## PROBLEM DESCRIPTION
The lines wanted are those in the data below that include "IFCRELASSOCIATESMATERIAL".

## Dataset excerpts
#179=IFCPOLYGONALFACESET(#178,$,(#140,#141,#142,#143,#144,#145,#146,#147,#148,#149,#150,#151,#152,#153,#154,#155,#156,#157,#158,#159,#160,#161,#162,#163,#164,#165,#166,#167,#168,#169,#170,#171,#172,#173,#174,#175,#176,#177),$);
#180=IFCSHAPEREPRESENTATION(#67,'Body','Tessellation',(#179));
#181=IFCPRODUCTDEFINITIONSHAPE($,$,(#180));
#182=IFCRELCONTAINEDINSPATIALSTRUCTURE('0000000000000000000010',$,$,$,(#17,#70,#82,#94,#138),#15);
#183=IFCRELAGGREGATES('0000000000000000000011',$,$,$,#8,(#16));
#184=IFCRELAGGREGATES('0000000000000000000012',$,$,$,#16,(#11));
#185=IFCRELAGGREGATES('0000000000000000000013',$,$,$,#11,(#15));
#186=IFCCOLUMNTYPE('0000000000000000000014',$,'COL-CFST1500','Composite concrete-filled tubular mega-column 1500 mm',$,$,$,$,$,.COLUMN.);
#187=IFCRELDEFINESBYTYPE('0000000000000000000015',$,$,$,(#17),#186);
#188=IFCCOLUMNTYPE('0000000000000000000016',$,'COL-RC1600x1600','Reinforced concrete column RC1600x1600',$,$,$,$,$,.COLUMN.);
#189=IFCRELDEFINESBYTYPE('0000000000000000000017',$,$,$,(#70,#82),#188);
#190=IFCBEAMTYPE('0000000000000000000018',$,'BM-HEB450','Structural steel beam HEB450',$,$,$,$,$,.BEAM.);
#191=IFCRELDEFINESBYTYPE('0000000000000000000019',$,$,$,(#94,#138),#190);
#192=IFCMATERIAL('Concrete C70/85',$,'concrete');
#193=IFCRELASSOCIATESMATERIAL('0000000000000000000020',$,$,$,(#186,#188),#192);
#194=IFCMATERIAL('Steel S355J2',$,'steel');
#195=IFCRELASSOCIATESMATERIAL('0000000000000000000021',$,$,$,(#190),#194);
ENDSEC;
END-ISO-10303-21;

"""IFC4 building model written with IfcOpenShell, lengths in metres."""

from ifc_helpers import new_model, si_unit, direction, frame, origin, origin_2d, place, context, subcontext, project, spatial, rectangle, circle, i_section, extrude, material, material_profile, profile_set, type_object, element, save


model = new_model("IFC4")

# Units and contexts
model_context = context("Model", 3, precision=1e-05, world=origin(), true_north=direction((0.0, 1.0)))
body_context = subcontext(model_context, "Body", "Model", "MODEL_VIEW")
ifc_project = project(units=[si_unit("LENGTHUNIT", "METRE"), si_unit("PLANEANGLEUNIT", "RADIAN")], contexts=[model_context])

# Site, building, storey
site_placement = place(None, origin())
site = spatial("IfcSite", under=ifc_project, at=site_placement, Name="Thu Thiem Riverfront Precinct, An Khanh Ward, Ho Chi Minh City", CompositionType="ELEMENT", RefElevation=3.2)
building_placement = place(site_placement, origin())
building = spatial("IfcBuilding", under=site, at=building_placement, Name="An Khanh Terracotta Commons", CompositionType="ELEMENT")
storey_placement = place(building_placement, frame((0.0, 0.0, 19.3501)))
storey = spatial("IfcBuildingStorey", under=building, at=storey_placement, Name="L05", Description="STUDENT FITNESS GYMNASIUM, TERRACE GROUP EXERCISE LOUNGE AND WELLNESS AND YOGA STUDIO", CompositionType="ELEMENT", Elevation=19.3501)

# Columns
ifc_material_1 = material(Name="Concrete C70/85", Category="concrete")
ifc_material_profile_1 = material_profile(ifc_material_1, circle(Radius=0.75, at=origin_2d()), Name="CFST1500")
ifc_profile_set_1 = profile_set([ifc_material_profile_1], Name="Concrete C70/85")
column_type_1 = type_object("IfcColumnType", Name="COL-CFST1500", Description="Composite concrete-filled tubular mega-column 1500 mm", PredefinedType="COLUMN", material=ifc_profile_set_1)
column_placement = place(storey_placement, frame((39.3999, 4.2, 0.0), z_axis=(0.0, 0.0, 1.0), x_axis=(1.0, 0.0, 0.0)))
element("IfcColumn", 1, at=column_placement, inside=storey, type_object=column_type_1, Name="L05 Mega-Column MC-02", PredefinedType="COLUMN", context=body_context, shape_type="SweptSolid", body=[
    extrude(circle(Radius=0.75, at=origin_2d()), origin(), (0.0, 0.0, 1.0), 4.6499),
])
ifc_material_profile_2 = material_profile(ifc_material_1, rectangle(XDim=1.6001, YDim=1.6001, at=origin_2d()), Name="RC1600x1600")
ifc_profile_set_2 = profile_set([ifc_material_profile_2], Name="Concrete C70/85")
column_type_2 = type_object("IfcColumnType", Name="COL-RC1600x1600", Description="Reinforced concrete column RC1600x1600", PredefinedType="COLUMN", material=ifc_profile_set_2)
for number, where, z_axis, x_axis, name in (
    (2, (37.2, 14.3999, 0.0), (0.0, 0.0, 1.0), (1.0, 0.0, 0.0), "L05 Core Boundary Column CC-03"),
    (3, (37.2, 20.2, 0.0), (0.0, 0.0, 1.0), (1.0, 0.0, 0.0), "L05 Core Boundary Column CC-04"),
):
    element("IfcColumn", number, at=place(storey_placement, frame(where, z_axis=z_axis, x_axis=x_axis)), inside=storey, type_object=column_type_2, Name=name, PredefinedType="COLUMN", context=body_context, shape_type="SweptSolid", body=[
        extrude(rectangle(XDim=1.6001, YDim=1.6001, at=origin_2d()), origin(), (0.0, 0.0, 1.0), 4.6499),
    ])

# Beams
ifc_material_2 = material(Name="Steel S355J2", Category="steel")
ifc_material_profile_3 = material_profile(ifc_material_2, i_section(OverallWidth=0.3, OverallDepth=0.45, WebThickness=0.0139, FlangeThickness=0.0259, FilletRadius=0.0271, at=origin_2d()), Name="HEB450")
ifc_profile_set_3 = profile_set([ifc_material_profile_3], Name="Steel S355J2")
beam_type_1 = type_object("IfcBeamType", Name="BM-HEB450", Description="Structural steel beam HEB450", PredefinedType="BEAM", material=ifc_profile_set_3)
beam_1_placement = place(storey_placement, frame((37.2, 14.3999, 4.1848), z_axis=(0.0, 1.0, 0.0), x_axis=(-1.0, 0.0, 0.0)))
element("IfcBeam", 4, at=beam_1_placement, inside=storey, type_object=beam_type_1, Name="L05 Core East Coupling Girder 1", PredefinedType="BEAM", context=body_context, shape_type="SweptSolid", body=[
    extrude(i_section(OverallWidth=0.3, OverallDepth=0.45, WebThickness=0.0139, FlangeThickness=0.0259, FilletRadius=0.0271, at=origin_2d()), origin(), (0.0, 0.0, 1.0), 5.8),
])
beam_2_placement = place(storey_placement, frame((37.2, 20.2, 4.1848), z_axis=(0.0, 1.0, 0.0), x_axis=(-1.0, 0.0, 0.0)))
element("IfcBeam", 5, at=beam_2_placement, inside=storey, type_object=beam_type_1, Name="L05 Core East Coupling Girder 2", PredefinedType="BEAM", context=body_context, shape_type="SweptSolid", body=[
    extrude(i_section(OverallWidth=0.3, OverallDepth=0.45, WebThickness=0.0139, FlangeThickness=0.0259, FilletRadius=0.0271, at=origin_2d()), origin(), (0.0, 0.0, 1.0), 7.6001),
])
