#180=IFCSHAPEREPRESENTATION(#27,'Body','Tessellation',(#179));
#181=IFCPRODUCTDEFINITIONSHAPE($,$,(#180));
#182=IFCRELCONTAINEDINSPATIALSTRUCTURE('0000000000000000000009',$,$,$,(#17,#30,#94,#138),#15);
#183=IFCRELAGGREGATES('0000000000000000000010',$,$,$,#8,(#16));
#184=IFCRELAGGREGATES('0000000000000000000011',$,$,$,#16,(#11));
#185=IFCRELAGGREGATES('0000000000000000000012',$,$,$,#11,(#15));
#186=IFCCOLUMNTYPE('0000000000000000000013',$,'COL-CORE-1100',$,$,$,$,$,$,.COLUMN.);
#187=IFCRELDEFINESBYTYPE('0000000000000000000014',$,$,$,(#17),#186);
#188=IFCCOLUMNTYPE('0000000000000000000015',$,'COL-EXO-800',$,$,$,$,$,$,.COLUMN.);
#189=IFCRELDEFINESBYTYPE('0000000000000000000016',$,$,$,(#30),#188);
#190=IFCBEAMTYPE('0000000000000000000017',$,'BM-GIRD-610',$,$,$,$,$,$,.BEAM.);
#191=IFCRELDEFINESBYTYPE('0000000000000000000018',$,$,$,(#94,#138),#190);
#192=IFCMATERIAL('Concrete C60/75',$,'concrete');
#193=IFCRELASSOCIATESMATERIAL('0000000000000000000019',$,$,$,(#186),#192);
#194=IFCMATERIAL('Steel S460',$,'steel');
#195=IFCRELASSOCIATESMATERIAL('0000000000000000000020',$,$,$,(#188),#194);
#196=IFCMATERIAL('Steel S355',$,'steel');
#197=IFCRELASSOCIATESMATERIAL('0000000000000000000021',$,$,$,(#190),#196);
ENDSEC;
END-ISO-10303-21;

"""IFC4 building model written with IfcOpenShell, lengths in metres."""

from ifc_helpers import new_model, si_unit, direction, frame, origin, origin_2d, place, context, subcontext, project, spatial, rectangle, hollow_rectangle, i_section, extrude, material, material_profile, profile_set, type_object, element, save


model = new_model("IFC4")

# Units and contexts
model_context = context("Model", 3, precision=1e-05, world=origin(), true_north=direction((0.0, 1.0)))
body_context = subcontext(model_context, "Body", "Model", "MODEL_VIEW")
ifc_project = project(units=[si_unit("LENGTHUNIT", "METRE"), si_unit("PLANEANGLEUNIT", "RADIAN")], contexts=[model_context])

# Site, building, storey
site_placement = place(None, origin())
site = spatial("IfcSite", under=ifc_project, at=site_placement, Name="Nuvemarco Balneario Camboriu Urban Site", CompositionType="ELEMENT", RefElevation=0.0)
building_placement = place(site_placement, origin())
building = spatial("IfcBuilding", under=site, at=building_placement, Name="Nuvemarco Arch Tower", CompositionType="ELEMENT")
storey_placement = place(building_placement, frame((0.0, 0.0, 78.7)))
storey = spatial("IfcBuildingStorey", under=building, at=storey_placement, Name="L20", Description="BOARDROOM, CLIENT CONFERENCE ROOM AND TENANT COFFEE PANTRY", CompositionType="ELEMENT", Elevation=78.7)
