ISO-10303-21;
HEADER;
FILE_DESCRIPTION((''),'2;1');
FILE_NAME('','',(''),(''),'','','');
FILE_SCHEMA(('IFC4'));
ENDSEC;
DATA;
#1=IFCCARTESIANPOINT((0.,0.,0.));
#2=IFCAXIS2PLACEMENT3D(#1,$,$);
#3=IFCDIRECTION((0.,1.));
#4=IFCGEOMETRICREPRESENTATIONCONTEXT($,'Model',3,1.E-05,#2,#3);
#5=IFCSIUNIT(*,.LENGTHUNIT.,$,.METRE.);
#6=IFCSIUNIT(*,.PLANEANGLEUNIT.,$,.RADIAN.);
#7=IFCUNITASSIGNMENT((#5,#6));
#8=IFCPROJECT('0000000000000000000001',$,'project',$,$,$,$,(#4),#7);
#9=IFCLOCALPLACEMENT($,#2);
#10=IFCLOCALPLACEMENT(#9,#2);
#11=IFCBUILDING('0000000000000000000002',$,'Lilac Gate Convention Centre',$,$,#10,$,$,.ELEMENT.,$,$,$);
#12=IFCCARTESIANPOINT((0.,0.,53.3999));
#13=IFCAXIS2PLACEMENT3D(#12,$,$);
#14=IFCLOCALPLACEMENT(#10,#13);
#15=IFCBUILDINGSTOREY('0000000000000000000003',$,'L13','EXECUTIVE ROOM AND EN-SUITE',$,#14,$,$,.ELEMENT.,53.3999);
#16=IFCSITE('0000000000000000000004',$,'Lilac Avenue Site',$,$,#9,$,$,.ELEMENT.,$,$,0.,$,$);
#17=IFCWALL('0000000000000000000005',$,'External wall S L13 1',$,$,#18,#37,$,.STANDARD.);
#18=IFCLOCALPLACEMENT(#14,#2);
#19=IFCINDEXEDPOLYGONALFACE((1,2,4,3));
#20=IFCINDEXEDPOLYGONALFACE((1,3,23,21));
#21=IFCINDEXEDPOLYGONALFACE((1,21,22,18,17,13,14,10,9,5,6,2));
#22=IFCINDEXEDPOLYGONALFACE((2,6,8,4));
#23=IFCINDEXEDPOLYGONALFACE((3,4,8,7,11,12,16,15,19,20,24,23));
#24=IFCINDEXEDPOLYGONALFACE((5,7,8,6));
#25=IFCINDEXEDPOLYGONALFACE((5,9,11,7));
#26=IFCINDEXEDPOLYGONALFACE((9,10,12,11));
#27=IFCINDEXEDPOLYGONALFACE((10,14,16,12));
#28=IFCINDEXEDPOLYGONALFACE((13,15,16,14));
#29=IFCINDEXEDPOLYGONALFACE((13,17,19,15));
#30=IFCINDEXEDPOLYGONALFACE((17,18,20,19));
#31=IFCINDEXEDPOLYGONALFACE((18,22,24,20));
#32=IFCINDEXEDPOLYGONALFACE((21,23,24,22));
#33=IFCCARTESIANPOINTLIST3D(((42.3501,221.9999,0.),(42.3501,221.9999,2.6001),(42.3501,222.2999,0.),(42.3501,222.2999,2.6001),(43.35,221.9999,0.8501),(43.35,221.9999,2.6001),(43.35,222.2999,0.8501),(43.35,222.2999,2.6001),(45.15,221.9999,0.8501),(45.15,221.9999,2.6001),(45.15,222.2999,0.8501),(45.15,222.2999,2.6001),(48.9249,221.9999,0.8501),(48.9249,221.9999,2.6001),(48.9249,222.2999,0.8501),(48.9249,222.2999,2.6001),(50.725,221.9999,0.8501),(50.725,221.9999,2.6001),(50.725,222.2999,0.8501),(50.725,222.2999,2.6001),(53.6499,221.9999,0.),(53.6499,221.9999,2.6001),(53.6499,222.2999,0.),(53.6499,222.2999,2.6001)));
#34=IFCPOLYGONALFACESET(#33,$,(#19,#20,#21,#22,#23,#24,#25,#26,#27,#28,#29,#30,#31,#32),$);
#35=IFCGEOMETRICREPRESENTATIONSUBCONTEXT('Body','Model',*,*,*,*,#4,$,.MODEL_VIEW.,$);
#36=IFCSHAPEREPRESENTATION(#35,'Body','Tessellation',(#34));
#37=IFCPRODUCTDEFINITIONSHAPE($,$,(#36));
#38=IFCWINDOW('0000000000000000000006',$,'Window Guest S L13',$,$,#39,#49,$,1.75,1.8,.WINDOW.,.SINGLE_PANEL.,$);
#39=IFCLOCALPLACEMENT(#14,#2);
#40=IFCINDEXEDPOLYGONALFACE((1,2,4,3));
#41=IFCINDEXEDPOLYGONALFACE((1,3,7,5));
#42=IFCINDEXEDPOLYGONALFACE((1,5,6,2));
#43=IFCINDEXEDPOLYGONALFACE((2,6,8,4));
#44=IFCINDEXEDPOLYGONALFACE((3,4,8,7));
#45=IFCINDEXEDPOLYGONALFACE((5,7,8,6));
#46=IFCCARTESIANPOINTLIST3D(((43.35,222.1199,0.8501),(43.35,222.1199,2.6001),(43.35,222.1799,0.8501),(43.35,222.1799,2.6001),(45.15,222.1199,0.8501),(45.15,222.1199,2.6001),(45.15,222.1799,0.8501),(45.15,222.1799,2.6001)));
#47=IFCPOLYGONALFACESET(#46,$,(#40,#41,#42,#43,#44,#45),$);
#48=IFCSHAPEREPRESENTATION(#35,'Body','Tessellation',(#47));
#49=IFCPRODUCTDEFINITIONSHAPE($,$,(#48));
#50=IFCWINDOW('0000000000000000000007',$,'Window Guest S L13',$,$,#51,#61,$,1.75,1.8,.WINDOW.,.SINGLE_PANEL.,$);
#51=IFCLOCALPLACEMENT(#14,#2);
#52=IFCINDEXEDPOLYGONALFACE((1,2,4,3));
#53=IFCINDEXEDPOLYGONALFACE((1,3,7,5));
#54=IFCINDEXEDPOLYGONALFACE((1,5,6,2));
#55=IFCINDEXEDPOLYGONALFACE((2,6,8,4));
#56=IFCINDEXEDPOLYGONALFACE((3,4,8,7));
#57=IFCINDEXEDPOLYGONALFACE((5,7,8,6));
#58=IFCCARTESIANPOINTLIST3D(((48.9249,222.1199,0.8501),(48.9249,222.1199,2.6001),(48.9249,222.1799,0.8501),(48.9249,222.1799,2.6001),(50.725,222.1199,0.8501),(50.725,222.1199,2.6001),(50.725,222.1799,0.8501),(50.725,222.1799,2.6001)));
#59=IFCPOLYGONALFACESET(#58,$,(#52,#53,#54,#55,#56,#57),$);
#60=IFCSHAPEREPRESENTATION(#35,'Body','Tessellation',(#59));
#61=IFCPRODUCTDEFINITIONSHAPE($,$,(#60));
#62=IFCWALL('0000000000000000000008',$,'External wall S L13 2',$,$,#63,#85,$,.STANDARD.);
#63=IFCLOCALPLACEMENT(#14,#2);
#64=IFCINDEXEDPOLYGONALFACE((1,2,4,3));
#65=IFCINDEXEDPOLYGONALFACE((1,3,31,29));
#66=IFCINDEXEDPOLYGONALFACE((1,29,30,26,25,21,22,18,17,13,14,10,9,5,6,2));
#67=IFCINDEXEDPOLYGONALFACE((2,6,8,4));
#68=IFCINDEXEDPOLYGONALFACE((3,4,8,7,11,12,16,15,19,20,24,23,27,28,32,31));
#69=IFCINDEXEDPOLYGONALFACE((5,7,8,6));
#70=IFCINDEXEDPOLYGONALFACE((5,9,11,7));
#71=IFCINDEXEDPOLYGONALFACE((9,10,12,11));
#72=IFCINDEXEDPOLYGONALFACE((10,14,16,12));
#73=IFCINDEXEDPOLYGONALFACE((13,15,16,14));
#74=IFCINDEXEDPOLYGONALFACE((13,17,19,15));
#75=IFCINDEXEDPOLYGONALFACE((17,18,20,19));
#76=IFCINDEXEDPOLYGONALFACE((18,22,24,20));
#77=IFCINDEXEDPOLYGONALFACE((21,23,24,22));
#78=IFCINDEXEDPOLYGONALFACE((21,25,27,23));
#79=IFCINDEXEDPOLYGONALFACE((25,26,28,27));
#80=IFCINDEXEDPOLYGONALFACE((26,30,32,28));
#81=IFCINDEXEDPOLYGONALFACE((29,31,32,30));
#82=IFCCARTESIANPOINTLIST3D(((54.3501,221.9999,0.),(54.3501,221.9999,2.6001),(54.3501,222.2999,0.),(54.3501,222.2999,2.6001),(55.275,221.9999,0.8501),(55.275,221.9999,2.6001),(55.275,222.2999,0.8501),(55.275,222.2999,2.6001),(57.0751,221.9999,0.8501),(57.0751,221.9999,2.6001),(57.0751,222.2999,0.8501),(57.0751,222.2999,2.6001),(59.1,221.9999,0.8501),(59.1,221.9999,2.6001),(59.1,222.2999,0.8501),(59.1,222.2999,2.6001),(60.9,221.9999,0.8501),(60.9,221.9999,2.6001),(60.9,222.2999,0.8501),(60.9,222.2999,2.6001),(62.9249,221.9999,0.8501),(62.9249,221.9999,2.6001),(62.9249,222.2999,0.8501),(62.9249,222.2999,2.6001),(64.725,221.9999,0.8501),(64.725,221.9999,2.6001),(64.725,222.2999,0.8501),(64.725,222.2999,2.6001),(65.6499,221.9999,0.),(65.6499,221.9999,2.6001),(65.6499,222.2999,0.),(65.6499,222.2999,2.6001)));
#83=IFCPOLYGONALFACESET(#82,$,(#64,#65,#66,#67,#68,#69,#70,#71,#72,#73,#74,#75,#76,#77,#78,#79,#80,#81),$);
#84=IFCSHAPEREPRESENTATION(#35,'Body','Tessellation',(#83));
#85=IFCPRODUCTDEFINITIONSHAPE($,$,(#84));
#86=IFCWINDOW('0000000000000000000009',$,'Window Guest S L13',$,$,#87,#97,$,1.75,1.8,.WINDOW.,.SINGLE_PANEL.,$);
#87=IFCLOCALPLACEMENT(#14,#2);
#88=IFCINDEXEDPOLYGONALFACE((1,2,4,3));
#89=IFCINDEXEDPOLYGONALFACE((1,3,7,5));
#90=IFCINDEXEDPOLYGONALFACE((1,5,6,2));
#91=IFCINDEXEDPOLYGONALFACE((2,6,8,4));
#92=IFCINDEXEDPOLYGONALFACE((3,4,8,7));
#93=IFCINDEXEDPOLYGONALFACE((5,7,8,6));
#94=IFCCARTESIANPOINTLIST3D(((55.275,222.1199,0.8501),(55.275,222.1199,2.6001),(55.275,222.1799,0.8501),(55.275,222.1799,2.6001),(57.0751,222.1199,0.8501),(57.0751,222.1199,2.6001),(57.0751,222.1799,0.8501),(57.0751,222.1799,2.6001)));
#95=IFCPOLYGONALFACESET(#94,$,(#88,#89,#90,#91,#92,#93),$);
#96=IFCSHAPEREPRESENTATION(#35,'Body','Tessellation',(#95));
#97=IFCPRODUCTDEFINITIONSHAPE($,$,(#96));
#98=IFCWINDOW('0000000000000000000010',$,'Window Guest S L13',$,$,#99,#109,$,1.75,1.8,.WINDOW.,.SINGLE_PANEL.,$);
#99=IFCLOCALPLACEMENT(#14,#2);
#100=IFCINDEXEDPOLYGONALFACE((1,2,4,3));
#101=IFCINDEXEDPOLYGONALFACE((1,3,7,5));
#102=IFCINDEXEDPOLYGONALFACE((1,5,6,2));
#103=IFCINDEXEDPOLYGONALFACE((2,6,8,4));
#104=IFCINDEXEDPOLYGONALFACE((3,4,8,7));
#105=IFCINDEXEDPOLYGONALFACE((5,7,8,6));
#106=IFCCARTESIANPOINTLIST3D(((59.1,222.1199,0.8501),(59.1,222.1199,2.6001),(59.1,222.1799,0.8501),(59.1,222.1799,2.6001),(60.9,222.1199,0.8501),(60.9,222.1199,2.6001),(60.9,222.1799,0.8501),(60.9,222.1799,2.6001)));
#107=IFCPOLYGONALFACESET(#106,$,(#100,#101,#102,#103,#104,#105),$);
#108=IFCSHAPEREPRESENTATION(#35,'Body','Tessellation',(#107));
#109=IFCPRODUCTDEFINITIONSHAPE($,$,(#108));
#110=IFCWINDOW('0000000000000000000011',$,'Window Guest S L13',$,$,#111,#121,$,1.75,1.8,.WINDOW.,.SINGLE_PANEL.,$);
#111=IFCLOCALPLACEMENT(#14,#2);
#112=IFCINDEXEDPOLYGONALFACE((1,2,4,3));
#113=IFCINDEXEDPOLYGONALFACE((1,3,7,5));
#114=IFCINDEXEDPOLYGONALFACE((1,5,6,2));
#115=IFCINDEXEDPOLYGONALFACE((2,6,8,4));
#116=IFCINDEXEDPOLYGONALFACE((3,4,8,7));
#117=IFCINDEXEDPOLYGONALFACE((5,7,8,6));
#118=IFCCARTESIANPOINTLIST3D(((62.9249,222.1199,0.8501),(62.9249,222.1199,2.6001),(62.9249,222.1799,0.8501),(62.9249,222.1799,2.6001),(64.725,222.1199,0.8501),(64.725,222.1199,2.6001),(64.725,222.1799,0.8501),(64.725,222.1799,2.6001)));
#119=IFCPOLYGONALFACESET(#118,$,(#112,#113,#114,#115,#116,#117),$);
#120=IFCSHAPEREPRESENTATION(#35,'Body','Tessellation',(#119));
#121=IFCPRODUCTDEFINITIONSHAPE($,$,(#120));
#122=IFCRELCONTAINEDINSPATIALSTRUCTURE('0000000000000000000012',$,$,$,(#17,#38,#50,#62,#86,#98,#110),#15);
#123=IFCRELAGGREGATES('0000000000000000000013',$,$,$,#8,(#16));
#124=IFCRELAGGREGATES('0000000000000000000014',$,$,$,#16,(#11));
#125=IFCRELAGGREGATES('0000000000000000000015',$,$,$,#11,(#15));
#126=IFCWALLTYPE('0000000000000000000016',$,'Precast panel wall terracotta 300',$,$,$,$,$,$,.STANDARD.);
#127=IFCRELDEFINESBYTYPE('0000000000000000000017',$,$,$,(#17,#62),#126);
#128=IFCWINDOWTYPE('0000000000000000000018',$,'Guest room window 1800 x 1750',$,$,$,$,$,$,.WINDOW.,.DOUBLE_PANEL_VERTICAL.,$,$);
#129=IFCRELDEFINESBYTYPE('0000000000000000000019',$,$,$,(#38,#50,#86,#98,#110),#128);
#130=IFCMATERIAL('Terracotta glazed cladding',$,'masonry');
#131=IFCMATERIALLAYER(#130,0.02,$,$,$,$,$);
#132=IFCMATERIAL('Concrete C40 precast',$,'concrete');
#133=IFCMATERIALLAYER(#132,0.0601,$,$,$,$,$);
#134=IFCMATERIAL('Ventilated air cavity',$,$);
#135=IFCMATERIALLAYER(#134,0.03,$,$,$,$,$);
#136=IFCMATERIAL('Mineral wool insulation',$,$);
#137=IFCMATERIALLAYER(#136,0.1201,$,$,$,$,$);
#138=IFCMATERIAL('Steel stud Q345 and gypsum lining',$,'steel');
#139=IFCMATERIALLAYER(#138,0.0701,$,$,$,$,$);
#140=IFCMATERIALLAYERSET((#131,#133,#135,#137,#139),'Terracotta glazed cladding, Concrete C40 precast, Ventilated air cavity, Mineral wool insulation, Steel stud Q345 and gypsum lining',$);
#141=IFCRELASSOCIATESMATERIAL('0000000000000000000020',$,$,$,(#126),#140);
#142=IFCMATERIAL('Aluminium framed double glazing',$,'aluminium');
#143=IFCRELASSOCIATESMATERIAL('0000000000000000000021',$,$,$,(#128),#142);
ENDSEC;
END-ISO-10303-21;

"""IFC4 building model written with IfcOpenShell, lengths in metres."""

from ifc_helpers import new_model, si_unit, direction, frame, frame_2d, origin, place, context, subcontext, project, spatial, rectangle, extrude, material, layer, layer_set, type_object, element, fill, save


model = new_model("IFC4")

# Units and contexts
model_context = context("Model", 3, precision=1e-05, world=origin(), true_north=direction((0.0, 1.0)))
body_context = subcontext(model_context, "Body", "Model", "MODEL_VIEW")
ifc_project = project(units=[si_unit("LENGTHUNIT", "METRE"), si_unit("PLANEANGLEUNIT", "RADIAN")], contexts=[model_context])

# Site, building, storey
site_placement = place(None, origin())
site = spatial("IfcSite", under=ifc_project, at=site_placement, Name="Lilac Avenue Site", CompositionType="ELEMENT", RefElevation=0.0)
building_placement = place(site_placement, origin())
building = spatial("IfcBuilding", under=site, at=building_placement, Name="Lilac Gate Convention Centre", CompositionType="ELEMENT")
storey_placement = place(building_placement, frame((0.0, 0.0, 53.3999)))
storey = spatial("IfcBuildingStorey", under=building, at=storey_placement, Name="L13", Description="EXECUTIVE ROOM AND EN-SUITE", CompositionType="ELEMENT", Elevation=53.3999)

# Shared definitions
ifc_material_1 = material(Name="Concrete C40 precast", Category="concrete")

# Walls, openings, windows
ifc_material_2 = material(Name="Terracotta glazed cladding", Category="masonry")
ifc_layer_1 = layer(ifc_material_2, 0.02)
ifc_layer_2 = layer(ifc_material_1, 0.0601)
ifc_material_3 = material(Name="Ventilated air cavity")
ifc_layer_3 = layer(ifc_material_3, 0.03)
ifc_material_4 = material(Name="Mineral wool insulation")
ifc_layer_4 = layer(ifc_material_4, 0.1201)
ifc_material_5 = material(Name="Steel stud Q345 and gypsum lining", Category="steel")
ifc_layer_5 = layer(ifc_material_5, 0.0701)
ifc_layer_set_1 = layer_set([ifc_layer_1, ifc_layer_2, ifc_layer_3, ifc_layer_4, ifc_layer_5], Name="Terracotta glazed cladding, Concrete C40 precast, Ventilated air cavity, Mineral wool insulation, Steel stud Q345 and gypsum lining")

## TASK ANSWER
#193=IFCRELASSOCIATESMATERIAL('0000000000000000000020',$,$,$,(#186,#188),#192);
#195=IFCRELASSOCIATESMATERIAL('0000000000000000000021',$,$,$,(#190),#194);
#193=IFCRELASSOCIATESMATERIAL('0000000000000000000019',$,$,$,(#186),#192);
#195=IFCRELASSOCIATESMATERIAL('0000000000000000000020',$,$,$,(#188),#194);
#197=IFCRELASSOCIATESMATERIAL('0000000000000000000021',$,$,$,(#190),#196);
#141=IFCRELASSOCIATESMATERIAL('0000000000000000000020',$,$,$,(#126),#140);
#143=IFCRELASSOCIATESMATERIAL('0000000000000000000021',$,$,$,(#128),#142);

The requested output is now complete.